Assignment -> Every line below containing the word "Beam" should be found and copied.

•••••

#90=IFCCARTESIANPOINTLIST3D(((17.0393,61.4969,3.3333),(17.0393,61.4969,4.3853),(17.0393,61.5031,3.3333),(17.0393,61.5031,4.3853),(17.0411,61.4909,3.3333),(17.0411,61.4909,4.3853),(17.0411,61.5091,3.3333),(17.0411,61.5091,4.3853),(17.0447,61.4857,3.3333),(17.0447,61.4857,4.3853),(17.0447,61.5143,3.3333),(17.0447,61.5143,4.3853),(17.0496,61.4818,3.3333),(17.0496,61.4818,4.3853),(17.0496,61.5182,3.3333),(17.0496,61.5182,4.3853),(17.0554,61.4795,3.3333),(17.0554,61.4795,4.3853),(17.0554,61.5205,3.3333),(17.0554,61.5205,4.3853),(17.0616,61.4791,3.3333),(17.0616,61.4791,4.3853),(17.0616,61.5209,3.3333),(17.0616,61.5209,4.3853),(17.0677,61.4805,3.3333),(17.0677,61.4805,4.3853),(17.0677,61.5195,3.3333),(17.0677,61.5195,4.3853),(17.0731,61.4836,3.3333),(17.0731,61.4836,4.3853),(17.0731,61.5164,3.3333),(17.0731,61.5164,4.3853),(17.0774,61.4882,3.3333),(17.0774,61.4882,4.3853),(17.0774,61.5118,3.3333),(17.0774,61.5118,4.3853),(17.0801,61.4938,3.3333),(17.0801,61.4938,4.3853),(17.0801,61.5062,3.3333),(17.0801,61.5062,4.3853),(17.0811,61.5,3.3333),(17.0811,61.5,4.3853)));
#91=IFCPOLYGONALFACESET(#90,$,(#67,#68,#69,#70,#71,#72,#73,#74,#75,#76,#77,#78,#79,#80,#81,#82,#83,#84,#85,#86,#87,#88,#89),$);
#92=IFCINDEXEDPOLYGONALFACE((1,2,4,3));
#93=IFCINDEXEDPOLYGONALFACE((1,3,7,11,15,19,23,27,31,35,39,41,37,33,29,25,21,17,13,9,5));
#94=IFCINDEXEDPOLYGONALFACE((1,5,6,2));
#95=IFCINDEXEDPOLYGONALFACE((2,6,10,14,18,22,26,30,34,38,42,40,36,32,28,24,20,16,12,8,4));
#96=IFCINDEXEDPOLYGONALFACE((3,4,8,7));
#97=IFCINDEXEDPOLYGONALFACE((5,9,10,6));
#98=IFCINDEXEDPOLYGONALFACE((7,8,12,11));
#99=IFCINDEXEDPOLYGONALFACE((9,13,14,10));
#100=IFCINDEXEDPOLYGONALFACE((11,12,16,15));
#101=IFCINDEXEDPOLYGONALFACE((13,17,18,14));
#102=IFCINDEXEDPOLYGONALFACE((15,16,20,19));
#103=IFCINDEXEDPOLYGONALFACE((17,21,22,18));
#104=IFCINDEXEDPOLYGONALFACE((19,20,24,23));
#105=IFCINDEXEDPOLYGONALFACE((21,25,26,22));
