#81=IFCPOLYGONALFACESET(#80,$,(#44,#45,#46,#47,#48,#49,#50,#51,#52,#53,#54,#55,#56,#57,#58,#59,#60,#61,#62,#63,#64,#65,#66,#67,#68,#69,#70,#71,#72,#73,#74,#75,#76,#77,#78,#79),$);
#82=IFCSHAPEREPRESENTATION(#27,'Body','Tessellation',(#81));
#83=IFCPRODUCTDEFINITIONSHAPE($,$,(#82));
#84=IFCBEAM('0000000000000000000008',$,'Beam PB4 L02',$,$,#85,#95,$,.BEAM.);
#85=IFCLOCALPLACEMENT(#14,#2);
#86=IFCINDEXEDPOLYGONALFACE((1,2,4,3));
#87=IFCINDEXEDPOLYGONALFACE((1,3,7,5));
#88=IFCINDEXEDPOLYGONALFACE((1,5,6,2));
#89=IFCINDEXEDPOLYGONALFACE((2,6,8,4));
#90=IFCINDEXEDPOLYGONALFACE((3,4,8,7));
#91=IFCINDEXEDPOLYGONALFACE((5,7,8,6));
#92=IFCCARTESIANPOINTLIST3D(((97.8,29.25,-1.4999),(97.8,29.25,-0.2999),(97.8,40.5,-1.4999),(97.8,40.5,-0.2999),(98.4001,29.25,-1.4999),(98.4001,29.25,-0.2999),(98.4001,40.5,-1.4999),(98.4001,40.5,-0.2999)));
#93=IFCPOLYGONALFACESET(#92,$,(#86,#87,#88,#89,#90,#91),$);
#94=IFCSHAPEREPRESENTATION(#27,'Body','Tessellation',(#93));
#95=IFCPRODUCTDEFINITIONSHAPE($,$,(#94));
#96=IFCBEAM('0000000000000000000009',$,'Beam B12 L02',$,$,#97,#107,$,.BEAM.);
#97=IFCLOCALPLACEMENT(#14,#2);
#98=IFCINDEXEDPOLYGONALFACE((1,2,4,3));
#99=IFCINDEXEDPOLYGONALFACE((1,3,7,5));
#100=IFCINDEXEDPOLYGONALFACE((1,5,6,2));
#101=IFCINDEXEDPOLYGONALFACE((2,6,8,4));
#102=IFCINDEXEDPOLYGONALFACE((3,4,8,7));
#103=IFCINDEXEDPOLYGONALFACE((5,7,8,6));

•••••

Response below ->
#84=IFCBEAM('0000000000000000000008',$,'Beam PB4 L02',$,$,#85,#95,$,.BEAM.);
#96=IFCBEAM('0000000000000000000009',$,'Beam B12 L02',$,$,#97,#107,$,.BEAM.);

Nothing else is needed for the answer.